### Material for the task
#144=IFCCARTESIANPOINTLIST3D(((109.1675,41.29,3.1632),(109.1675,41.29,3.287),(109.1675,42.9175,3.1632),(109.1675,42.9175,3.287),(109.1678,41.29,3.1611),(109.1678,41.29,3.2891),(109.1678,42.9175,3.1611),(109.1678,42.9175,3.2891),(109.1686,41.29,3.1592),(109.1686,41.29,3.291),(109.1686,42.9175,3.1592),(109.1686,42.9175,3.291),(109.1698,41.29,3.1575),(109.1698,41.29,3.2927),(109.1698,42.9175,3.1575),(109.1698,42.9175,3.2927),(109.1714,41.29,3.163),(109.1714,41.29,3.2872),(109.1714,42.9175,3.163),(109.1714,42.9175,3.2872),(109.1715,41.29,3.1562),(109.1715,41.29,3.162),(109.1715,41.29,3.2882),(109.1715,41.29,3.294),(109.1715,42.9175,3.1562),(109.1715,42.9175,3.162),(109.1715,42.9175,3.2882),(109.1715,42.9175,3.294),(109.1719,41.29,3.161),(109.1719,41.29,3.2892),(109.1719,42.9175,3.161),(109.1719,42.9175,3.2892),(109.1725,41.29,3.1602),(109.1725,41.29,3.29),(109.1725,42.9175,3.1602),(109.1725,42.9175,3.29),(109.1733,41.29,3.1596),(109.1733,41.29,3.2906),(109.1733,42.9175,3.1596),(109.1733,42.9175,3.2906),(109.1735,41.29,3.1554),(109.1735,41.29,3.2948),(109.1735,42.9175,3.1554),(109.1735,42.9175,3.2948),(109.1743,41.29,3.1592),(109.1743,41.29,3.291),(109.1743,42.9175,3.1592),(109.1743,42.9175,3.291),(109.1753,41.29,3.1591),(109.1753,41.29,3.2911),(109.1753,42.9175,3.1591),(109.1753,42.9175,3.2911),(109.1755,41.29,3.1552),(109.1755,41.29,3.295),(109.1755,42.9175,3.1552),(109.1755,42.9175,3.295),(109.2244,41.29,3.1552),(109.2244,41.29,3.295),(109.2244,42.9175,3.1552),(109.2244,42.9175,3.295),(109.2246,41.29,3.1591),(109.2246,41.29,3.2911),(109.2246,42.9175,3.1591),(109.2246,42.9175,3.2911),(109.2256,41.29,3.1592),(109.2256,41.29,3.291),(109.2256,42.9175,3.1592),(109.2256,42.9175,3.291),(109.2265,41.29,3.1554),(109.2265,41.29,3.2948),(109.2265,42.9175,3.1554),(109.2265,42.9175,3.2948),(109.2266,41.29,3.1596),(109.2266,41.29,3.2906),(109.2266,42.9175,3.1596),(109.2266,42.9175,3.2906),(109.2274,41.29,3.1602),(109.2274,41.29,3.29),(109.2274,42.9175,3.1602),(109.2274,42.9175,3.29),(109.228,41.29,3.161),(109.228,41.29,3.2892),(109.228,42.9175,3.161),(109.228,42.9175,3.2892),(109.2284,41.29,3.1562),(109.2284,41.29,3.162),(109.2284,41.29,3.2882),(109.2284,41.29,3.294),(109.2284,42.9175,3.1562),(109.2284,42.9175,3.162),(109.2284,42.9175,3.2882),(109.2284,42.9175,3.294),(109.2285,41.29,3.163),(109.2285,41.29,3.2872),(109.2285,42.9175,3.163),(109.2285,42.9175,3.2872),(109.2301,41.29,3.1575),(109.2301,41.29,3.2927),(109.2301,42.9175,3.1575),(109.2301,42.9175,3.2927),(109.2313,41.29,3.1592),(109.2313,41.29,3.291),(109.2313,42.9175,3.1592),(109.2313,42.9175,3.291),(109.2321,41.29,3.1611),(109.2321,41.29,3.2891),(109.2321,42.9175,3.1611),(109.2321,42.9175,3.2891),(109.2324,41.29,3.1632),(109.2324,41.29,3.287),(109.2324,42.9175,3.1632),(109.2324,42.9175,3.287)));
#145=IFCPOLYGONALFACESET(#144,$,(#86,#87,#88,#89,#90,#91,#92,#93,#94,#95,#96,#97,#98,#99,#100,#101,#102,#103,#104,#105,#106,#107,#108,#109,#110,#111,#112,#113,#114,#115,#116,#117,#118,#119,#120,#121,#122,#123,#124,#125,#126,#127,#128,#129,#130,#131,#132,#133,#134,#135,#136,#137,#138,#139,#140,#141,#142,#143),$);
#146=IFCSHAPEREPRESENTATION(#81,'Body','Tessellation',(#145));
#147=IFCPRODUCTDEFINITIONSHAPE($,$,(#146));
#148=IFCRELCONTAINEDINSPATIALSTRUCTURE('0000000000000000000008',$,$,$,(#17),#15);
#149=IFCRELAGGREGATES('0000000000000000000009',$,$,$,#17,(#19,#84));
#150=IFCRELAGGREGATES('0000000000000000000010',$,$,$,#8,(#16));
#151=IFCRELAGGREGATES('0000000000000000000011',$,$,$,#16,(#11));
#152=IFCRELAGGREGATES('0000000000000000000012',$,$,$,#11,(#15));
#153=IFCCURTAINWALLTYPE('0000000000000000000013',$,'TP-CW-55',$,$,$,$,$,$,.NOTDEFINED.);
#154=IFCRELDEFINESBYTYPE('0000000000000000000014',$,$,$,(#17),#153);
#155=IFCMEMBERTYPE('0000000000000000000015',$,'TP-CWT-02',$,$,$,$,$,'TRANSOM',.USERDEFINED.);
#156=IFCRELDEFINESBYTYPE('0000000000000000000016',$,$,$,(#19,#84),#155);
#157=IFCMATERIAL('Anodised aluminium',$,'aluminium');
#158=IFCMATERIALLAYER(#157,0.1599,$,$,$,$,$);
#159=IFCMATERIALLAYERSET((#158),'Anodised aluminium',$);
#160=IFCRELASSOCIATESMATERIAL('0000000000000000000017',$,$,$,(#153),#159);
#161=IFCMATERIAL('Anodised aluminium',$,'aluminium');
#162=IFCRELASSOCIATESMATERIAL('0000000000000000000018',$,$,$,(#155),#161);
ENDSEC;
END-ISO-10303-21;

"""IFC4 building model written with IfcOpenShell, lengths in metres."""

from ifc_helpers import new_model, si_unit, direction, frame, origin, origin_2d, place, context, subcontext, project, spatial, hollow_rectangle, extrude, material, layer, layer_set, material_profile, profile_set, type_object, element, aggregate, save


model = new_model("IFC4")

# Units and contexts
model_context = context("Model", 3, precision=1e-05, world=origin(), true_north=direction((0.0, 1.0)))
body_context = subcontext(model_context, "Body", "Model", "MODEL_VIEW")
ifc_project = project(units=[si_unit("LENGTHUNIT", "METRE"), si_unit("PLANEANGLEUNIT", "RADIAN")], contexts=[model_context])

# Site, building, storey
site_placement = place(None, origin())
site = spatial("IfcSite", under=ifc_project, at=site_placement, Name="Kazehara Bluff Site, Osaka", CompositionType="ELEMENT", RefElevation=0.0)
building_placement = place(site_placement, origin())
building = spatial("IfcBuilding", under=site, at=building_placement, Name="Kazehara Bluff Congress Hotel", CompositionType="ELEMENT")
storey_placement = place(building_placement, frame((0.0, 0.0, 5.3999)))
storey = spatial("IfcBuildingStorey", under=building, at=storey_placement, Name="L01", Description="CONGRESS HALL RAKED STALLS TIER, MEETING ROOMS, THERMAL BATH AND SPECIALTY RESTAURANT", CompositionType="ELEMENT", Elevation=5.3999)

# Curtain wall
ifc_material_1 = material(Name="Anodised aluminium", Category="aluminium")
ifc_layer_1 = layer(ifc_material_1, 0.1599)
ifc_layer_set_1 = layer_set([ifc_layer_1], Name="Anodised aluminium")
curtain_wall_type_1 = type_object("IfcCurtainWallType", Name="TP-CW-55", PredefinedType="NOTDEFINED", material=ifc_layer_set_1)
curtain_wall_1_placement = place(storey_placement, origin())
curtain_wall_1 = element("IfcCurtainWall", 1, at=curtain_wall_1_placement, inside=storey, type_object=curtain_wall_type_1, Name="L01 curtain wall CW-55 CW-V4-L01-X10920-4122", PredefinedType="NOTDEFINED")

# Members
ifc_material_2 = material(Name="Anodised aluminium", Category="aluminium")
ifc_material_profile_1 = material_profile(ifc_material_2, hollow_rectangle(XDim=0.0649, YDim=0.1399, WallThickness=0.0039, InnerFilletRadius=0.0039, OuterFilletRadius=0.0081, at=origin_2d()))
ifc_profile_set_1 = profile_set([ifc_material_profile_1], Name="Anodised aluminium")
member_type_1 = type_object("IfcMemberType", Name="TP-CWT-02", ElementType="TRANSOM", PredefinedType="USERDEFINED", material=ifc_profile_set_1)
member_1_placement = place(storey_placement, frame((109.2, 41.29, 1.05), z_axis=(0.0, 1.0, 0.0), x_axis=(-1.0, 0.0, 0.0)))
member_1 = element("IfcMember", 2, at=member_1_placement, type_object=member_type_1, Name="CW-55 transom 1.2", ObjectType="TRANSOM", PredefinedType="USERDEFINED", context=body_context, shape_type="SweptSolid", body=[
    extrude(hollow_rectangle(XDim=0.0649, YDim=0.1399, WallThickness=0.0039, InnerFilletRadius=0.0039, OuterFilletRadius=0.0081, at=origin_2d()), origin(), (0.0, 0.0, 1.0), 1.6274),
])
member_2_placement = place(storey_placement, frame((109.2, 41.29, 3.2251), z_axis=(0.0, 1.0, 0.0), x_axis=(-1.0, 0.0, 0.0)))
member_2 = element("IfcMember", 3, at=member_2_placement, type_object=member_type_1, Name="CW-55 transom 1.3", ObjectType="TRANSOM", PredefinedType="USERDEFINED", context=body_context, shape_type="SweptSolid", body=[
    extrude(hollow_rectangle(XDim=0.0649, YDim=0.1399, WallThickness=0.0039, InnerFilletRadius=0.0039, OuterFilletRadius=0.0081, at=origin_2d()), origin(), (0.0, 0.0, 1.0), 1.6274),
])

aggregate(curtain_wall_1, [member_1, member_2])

### Problem statement
Your reply must be one number: the count of lines in the records above that contain the string "Bluff".

### Answer to this problem
2